* Work to complete
Look through the records below for the line with "#71=IFCINDEXEDPOLYGONALFACE((5,7,43,41));". Return that line and each one after it up to and including the line with "#84=IFCINDEXEDPOLYGONALFACE((19,21,57,55));", exactly.

* Dataset excerpts
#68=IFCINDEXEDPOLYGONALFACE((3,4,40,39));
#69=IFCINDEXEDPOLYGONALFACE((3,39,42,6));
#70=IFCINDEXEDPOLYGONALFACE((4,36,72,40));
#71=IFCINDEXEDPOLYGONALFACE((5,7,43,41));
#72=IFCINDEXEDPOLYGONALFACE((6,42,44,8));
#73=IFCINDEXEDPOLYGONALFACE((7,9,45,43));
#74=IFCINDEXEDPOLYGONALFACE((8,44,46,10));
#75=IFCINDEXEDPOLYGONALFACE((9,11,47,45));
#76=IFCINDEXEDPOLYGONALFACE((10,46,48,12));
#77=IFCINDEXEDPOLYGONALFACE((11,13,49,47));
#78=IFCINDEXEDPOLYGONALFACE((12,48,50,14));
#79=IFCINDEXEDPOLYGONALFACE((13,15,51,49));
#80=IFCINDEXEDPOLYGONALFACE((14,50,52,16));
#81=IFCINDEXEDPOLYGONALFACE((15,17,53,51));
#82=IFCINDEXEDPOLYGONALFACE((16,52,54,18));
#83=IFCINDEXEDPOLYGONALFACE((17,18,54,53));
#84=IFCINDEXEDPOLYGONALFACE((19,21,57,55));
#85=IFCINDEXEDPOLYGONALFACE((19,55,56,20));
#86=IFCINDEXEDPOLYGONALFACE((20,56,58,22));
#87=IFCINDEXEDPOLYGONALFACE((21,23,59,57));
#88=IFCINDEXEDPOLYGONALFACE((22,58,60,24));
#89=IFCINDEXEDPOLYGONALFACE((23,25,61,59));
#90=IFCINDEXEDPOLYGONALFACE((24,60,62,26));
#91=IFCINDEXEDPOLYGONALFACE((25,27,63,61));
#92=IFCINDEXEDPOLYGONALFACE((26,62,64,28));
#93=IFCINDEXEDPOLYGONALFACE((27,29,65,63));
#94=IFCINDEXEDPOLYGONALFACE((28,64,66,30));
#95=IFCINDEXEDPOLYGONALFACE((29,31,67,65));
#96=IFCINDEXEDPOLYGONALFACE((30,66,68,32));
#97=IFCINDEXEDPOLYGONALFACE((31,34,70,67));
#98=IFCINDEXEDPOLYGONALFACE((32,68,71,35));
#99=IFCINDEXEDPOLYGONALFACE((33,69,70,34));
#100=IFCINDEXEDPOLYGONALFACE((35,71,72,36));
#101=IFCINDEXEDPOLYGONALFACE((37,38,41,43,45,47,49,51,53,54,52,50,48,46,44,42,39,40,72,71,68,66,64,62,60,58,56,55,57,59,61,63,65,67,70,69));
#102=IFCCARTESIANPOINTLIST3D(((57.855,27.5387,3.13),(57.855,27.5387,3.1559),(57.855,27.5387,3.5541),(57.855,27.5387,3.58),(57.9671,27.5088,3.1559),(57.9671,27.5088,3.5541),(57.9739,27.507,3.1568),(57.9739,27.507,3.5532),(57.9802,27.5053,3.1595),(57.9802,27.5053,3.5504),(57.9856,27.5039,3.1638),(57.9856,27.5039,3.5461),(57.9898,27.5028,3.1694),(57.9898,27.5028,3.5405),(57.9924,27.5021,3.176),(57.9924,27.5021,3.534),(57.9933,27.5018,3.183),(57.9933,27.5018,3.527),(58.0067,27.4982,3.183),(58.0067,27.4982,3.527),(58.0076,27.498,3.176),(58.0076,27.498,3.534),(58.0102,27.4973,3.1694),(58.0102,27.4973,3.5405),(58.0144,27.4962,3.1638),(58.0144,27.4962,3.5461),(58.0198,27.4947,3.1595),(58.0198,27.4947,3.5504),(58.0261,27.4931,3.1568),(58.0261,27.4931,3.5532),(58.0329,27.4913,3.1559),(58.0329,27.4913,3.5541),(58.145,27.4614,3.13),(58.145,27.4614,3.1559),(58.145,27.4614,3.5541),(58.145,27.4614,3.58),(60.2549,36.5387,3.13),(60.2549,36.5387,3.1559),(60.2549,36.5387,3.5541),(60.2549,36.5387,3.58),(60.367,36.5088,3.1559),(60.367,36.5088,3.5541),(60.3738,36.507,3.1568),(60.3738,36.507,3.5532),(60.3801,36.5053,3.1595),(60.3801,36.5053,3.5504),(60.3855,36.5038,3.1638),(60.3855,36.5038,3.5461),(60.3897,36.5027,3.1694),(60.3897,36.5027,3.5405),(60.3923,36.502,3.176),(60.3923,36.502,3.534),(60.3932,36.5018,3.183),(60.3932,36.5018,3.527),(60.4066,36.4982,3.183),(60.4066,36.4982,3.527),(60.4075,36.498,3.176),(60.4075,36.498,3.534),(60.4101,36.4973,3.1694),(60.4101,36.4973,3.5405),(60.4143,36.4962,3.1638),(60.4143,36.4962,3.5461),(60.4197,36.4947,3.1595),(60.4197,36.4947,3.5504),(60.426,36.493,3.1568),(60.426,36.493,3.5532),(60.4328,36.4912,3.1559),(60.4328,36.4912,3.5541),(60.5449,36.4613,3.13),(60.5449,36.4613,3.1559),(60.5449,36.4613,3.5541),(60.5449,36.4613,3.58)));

* Solution for this task
#71=IFCINDEXEDPOLYGONALFACE((5,7,43,41));
#72=IFCINDEXEDPOLYGONALFACE((6,42,44,8));
#73=IFCINDEXEDPOLYGONALFACE((7,9,45,43));
#74=IFCINDEXEDPOLYGONALFACE((8,44,46,10));
#75=IFCINDEXEDPOLYGONALFACE((9,11,47,45));
#76=IFCINDEXEDPOLYGONALFACE((10,46,48,12));
#77=IFCINDEXEDPOLYGONALFACE((11,13,49,47));
#78=IFCINDEXEDPOLYGONALFACE((12,48,50,14));
#79=IFCINDEXEDPOLYGONALFACE((13,15,51,49));
#80=IFCINDEXEDPOLYGONALFACE((14,50,52,16));
#81=IFCINDEXEDPOLYGONALFACE((15,17,53,51));
#82=IFCINDEXEDPOLYGONALFACE((16,52,54,18));
#83=IFCINDEXEDPOLYGONALFACE((17,18,54,53));
#84=IFCINDEXEDPOLYGONALFACE((19,21,57,55));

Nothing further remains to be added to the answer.